(Prompt): Which lines of the entries contain the string "IFCPOLYGONALFACESET"? Copy each of them.

(Stored data):
- Opening Delimiter -

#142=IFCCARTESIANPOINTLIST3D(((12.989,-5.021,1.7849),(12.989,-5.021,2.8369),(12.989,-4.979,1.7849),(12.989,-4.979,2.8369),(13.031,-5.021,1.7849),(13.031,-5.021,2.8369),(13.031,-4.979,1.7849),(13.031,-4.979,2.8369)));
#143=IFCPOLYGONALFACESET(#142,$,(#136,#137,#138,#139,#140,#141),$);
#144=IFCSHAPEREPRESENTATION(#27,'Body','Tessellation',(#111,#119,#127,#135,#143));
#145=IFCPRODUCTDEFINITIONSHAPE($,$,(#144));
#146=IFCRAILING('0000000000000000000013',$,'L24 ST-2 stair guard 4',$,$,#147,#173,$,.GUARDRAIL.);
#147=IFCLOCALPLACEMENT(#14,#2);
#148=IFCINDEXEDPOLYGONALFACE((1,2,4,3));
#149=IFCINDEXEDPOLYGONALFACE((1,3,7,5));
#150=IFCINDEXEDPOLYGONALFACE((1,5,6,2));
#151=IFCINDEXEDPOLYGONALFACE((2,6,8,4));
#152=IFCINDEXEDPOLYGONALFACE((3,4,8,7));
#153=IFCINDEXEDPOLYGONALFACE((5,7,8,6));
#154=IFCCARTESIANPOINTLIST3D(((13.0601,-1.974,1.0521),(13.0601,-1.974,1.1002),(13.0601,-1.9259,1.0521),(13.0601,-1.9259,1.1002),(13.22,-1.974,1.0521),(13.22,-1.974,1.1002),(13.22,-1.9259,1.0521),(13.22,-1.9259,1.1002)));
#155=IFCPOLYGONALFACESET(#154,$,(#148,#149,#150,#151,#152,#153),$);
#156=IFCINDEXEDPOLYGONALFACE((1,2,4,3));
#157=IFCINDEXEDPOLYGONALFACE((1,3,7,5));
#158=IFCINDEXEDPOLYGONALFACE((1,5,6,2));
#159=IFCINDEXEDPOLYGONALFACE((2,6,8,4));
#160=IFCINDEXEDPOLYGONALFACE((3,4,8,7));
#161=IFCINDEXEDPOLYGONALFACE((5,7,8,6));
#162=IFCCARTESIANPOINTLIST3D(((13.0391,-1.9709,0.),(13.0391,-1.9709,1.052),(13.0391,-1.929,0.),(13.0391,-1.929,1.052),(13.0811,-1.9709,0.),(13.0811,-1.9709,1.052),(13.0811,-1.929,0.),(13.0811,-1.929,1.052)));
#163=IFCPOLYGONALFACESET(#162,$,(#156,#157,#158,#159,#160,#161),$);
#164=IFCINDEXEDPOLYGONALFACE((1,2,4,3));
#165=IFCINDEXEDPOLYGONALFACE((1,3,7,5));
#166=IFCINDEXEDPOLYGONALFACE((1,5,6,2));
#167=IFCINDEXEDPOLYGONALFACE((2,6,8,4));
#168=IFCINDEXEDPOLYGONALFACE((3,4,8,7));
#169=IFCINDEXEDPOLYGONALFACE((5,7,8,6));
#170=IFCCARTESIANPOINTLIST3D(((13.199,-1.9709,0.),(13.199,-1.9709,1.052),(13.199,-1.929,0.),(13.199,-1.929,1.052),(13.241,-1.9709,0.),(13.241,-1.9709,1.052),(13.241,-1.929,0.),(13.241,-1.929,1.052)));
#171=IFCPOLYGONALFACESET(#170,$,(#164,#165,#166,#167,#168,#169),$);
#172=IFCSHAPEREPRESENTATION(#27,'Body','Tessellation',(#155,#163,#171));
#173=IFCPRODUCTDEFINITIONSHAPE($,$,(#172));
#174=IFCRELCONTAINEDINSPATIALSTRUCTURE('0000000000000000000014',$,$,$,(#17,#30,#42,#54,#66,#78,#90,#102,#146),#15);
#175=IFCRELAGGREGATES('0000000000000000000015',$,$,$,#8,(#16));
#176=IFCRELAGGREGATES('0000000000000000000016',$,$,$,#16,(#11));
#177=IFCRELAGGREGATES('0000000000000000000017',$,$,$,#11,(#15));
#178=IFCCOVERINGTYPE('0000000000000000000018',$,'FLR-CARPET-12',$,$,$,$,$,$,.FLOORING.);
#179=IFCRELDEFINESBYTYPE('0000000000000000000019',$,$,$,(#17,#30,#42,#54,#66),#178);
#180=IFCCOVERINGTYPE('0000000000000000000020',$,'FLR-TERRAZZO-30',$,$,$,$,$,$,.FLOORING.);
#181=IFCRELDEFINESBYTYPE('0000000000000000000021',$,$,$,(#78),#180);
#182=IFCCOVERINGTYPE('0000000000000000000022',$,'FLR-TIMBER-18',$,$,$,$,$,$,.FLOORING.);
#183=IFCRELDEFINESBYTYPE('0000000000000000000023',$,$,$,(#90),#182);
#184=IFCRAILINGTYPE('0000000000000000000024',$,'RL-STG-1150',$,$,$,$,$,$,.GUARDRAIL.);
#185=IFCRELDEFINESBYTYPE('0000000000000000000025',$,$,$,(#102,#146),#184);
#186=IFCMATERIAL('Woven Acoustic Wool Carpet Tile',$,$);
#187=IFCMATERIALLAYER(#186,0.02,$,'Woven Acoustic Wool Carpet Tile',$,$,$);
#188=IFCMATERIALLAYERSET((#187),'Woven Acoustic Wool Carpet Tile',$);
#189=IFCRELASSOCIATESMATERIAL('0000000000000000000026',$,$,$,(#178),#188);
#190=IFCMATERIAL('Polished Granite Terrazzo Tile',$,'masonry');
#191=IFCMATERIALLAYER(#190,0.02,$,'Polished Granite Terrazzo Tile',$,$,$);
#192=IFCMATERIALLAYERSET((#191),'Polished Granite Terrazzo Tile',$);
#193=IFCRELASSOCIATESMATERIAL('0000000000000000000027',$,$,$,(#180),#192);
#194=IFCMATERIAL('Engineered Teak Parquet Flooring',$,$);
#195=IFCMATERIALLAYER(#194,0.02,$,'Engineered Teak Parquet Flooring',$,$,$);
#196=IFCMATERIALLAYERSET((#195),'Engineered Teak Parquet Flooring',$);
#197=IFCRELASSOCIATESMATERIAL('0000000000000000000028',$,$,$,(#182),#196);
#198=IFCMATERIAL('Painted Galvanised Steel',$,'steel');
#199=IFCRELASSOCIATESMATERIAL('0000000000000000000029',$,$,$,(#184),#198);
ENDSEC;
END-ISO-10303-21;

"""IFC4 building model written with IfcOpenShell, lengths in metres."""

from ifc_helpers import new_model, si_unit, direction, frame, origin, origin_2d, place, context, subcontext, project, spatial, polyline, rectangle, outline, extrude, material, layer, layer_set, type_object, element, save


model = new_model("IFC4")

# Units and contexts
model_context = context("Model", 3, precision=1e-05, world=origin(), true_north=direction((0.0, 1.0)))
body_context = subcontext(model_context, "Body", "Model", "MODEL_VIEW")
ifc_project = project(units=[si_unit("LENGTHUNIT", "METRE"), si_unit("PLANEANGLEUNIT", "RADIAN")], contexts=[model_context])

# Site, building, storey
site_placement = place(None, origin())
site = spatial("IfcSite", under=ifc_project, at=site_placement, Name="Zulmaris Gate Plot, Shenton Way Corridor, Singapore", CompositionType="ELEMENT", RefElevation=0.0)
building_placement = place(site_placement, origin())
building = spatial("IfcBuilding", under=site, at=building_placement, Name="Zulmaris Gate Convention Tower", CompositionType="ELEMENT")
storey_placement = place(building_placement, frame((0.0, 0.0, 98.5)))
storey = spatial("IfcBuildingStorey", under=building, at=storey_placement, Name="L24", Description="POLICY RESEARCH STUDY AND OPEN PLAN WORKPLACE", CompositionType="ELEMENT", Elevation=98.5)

- Closing Delimiter -

(Answer to this exercise):
#143=IFCPOLYGONALFACESET(#142,$,(#136,#137,#138,#139,#140,#141),$);
#155=IFCPOLYGONALFACESET(#154,$,(#148,#149,#150,#151,#152,#153),$);
#163=IFCPOLYGONALFACESET(#162,$,(#156,#157,#158,#159,#160,#161),$);
#171=IFCPOLYGONALFACESET(#170,$,(#164,#165,#166,#167,#168,#169),$);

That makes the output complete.